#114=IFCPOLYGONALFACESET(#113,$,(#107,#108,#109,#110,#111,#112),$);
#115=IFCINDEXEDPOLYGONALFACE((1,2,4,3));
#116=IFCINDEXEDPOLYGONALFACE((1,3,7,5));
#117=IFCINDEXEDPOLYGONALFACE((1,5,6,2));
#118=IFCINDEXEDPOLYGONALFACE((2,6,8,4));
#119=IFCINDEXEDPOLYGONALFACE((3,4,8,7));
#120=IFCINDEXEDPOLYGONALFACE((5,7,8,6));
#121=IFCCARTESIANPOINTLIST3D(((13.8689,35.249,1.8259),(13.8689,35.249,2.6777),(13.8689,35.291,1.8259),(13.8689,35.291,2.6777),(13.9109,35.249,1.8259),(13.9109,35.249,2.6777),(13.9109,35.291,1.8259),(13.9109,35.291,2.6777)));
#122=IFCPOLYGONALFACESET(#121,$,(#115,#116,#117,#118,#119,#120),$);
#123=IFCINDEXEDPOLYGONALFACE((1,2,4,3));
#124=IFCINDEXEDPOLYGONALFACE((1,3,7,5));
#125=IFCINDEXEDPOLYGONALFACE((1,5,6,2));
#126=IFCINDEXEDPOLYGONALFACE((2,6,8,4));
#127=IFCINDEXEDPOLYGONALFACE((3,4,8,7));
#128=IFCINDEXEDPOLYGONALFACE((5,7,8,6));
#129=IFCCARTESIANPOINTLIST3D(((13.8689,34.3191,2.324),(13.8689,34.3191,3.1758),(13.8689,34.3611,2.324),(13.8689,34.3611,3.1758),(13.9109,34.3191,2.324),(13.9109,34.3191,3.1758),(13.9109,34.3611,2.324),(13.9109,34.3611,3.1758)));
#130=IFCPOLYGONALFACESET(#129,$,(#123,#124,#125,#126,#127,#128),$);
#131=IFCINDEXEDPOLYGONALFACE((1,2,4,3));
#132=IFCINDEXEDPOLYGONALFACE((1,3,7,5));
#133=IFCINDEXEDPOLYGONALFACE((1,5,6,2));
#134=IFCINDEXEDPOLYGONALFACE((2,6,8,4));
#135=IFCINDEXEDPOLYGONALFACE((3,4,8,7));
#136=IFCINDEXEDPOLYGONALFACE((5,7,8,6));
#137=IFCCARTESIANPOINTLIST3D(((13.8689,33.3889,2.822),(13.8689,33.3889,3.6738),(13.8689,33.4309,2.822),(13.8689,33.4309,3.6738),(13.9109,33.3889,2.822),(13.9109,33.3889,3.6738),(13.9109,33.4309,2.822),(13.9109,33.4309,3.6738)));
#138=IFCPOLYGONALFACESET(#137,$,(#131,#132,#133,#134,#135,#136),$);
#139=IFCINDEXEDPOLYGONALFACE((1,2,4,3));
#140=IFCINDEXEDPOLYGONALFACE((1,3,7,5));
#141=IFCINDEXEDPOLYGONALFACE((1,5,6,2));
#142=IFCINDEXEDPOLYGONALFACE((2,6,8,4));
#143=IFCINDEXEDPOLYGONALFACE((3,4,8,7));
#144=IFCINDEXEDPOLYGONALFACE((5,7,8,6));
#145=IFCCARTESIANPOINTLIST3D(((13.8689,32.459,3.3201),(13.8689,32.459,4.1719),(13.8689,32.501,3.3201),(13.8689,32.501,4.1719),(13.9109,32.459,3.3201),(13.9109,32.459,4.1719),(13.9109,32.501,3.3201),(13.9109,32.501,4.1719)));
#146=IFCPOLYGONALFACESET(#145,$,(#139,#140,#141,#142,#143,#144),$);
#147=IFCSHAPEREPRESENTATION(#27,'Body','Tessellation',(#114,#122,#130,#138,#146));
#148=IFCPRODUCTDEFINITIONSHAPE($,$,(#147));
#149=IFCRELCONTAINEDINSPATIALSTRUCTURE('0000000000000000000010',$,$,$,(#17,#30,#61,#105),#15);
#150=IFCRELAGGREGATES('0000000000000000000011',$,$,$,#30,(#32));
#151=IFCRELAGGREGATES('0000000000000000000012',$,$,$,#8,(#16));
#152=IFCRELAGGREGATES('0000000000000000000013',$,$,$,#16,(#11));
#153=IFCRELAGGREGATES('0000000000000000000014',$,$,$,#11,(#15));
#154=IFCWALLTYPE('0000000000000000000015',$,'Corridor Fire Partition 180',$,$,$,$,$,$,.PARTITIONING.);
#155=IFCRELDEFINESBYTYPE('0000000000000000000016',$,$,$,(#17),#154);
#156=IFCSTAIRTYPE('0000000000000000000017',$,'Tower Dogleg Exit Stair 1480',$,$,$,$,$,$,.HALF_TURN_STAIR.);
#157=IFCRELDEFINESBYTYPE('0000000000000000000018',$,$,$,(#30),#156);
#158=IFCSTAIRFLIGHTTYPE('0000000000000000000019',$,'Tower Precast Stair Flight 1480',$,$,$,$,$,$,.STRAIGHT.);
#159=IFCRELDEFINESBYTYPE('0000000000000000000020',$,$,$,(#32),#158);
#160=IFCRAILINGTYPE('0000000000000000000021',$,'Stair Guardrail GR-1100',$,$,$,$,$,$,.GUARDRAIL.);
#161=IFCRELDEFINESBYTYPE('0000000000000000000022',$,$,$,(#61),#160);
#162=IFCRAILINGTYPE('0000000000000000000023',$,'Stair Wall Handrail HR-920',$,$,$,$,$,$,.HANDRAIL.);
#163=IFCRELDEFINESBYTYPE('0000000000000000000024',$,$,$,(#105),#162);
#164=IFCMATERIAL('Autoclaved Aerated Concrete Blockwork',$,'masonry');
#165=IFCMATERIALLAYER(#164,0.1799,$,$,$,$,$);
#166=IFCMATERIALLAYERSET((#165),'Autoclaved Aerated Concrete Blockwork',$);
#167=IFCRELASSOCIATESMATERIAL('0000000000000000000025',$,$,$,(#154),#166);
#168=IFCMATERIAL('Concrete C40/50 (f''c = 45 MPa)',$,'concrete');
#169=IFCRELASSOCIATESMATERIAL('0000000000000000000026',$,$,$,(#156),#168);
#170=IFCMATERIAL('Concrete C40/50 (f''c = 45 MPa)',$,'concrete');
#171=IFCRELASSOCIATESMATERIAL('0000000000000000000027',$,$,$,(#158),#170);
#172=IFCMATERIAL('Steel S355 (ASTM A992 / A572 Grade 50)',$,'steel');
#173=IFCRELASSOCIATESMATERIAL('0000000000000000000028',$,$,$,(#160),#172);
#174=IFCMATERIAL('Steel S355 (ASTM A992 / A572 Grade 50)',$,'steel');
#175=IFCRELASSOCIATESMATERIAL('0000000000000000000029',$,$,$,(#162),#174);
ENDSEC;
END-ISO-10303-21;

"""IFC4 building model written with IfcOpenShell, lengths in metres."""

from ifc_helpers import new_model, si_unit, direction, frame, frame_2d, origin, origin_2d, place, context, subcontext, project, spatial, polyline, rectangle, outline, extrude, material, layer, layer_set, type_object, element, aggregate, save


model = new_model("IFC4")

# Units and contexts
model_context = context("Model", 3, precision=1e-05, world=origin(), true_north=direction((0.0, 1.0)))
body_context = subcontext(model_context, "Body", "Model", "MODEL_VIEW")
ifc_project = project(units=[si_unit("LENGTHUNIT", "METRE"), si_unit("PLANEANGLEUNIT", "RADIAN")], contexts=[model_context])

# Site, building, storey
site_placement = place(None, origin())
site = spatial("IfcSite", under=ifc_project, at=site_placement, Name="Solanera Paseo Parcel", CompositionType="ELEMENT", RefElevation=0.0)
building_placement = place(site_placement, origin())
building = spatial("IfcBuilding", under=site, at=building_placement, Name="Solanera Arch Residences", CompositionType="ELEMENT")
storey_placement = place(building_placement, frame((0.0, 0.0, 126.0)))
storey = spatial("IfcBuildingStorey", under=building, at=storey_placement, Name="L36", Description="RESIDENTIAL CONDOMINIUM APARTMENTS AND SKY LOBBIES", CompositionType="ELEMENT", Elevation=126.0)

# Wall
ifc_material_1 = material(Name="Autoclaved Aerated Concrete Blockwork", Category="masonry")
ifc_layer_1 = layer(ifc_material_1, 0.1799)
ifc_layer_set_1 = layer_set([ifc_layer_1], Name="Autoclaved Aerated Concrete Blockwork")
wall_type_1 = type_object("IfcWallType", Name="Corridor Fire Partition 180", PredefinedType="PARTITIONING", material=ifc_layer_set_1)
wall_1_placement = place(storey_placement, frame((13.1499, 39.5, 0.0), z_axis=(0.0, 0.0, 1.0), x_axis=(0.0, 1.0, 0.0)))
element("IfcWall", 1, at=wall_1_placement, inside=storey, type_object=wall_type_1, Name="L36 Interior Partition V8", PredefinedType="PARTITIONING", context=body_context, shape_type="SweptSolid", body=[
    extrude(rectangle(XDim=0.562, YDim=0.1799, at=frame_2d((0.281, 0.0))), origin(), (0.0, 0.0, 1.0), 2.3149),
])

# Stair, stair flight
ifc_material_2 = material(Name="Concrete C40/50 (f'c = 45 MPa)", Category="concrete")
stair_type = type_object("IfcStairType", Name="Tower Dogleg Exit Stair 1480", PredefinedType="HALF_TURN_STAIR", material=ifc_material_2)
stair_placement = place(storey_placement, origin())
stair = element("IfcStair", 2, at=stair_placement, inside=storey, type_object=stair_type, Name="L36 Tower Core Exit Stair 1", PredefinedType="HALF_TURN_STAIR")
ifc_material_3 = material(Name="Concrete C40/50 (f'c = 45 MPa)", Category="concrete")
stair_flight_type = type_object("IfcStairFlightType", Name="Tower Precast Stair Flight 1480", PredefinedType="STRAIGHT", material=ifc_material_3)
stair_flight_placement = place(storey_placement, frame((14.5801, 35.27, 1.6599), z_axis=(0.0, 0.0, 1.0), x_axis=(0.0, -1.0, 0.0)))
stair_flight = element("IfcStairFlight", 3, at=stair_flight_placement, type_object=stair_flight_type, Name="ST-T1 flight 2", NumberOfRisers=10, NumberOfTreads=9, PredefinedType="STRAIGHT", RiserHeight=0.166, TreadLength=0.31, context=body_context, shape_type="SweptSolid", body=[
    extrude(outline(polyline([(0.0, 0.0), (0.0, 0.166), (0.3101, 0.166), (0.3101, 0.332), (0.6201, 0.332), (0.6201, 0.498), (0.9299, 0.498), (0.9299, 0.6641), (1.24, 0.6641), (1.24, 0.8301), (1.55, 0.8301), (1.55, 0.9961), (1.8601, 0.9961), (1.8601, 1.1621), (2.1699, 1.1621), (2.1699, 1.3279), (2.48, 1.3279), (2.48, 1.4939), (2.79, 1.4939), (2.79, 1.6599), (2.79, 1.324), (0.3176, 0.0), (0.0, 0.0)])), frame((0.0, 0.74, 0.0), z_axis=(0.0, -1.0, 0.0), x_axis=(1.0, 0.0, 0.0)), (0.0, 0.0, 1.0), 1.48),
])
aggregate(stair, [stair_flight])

--

The problem -
Lines with the word "Fire": copy each one from the data above.

Exercise result -
#154=IFCWALLTYPE('0000000000000000000015',$,'Corridor Fire Partition 180',$,$,$,$,$,$,.PARTITIONING.);
wall_type_1 = type_object("IfcWallType", Name="Corridor Fire Partition 180", PredefinedType="PARTITIONING", material=ifc_layer_set_1)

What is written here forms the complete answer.